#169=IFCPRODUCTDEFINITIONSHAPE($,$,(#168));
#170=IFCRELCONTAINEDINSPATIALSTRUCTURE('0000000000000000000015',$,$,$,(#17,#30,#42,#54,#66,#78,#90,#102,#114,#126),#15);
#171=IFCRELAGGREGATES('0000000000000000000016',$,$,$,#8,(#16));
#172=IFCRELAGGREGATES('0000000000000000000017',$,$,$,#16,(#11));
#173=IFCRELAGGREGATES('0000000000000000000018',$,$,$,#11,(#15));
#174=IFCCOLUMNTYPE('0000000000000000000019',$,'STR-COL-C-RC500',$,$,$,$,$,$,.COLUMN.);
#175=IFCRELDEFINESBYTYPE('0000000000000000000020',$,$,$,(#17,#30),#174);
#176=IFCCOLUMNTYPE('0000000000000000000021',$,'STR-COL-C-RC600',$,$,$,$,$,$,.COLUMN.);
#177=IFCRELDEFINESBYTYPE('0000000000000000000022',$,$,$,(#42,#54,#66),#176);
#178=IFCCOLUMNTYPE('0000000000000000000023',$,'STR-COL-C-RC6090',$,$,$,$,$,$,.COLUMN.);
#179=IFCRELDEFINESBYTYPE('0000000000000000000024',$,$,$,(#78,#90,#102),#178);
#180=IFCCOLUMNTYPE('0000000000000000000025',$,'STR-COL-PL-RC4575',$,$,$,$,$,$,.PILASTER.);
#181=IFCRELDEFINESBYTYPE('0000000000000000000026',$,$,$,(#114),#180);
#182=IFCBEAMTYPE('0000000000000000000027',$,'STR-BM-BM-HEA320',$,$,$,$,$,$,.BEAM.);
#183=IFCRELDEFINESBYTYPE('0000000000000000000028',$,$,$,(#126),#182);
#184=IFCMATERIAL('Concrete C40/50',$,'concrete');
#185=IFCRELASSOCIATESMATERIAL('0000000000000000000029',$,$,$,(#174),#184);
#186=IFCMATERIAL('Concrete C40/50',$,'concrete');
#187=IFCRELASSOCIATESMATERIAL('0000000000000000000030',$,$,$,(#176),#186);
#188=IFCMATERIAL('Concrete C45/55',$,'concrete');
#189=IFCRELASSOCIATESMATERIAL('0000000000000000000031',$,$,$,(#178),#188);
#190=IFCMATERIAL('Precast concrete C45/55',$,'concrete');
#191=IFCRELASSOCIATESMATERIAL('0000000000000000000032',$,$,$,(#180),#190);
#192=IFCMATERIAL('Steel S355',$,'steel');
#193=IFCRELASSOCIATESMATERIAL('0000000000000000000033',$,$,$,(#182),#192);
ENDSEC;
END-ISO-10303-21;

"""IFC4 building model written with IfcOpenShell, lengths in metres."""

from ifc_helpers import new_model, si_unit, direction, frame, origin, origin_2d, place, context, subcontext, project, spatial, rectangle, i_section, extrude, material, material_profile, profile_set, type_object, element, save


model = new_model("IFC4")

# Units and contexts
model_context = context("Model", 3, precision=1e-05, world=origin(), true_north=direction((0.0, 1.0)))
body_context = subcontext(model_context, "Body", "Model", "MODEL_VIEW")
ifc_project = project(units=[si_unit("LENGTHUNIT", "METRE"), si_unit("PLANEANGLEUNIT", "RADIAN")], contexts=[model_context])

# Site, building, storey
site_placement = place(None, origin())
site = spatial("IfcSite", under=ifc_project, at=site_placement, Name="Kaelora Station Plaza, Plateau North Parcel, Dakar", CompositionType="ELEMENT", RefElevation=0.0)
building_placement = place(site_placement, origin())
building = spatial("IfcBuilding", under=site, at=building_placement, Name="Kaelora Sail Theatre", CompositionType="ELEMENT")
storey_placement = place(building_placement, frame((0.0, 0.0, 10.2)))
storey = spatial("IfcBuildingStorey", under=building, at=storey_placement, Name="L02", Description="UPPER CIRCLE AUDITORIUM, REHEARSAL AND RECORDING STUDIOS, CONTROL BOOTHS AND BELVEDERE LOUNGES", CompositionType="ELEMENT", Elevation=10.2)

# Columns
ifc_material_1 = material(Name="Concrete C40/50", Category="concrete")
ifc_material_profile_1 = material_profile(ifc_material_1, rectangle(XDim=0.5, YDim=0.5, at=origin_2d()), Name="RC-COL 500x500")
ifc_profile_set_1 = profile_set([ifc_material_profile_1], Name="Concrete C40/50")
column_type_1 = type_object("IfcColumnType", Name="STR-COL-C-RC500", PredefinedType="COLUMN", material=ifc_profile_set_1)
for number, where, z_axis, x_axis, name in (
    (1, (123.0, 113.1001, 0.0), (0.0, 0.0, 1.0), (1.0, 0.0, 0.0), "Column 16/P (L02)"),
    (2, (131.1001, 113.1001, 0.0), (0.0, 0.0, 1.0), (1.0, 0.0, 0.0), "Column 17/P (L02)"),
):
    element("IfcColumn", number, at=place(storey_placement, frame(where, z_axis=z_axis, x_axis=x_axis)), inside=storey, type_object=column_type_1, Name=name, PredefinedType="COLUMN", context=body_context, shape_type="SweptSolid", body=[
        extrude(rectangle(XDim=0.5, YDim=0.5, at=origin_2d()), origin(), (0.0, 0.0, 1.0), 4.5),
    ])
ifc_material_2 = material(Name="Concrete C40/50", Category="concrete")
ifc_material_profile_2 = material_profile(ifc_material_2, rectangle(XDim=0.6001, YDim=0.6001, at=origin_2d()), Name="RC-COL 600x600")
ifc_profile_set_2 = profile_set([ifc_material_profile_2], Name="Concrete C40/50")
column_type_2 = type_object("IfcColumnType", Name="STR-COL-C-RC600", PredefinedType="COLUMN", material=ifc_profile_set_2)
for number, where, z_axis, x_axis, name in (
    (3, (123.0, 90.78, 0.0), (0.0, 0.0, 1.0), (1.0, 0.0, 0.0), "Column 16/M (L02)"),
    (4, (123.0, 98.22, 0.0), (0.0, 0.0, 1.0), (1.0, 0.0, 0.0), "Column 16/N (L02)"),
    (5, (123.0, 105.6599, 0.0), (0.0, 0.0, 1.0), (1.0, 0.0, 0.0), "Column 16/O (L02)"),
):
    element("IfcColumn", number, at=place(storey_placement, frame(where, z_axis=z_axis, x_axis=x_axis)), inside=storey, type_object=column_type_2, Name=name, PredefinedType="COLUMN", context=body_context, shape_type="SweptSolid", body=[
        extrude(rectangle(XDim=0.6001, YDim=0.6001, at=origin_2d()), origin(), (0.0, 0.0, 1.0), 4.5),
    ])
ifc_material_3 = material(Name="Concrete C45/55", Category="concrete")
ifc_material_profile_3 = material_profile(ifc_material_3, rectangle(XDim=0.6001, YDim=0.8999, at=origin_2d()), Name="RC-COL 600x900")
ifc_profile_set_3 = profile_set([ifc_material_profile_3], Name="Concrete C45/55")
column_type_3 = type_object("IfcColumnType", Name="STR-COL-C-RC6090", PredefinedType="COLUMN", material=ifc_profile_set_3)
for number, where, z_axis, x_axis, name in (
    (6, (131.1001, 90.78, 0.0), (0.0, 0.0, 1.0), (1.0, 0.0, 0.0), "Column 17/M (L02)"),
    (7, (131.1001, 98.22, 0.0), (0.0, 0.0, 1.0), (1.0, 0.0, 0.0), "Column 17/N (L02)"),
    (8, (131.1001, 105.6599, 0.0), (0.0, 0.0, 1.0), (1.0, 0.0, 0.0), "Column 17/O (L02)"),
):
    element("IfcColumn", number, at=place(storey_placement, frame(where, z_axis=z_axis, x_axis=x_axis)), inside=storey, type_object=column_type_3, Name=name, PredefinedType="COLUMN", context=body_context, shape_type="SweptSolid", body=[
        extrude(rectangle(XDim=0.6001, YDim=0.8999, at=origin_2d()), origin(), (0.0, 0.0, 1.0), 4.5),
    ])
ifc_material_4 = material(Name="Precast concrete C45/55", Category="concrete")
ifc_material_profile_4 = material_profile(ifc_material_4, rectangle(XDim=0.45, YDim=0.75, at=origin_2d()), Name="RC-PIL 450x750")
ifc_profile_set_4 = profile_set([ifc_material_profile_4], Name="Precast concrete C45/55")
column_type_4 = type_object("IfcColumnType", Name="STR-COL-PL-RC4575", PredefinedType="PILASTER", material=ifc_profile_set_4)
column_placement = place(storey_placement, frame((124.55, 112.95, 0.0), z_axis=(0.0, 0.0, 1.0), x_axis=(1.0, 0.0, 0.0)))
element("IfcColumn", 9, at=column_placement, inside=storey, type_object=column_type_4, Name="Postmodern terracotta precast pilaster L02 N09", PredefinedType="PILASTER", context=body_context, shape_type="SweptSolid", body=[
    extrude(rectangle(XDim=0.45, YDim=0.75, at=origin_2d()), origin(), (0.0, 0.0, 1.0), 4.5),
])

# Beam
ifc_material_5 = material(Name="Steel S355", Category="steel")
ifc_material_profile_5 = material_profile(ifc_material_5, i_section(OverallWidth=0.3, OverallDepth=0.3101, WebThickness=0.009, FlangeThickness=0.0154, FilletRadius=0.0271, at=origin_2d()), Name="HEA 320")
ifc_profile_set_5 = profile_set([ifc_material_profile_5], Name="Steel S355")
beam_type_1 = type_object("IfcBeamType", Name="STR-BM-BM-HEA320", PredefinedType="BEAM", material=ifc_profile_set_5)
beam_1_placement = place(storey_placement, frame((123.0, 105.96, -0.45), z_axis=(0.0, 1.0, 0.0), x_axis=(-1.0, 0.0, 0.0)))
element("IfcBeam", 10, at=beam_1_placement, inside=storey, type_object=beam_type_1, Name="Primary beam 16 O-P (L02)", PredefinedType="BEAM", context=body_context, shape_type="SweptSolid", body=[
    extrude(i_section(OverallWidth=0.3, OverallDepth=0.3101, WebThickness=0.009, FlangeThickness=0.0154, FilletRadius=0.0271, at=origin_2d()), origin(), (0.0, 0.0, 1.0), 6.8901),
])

# What is expected
Please give only the number of lines above that contain "OverallWidth".

# The answer
2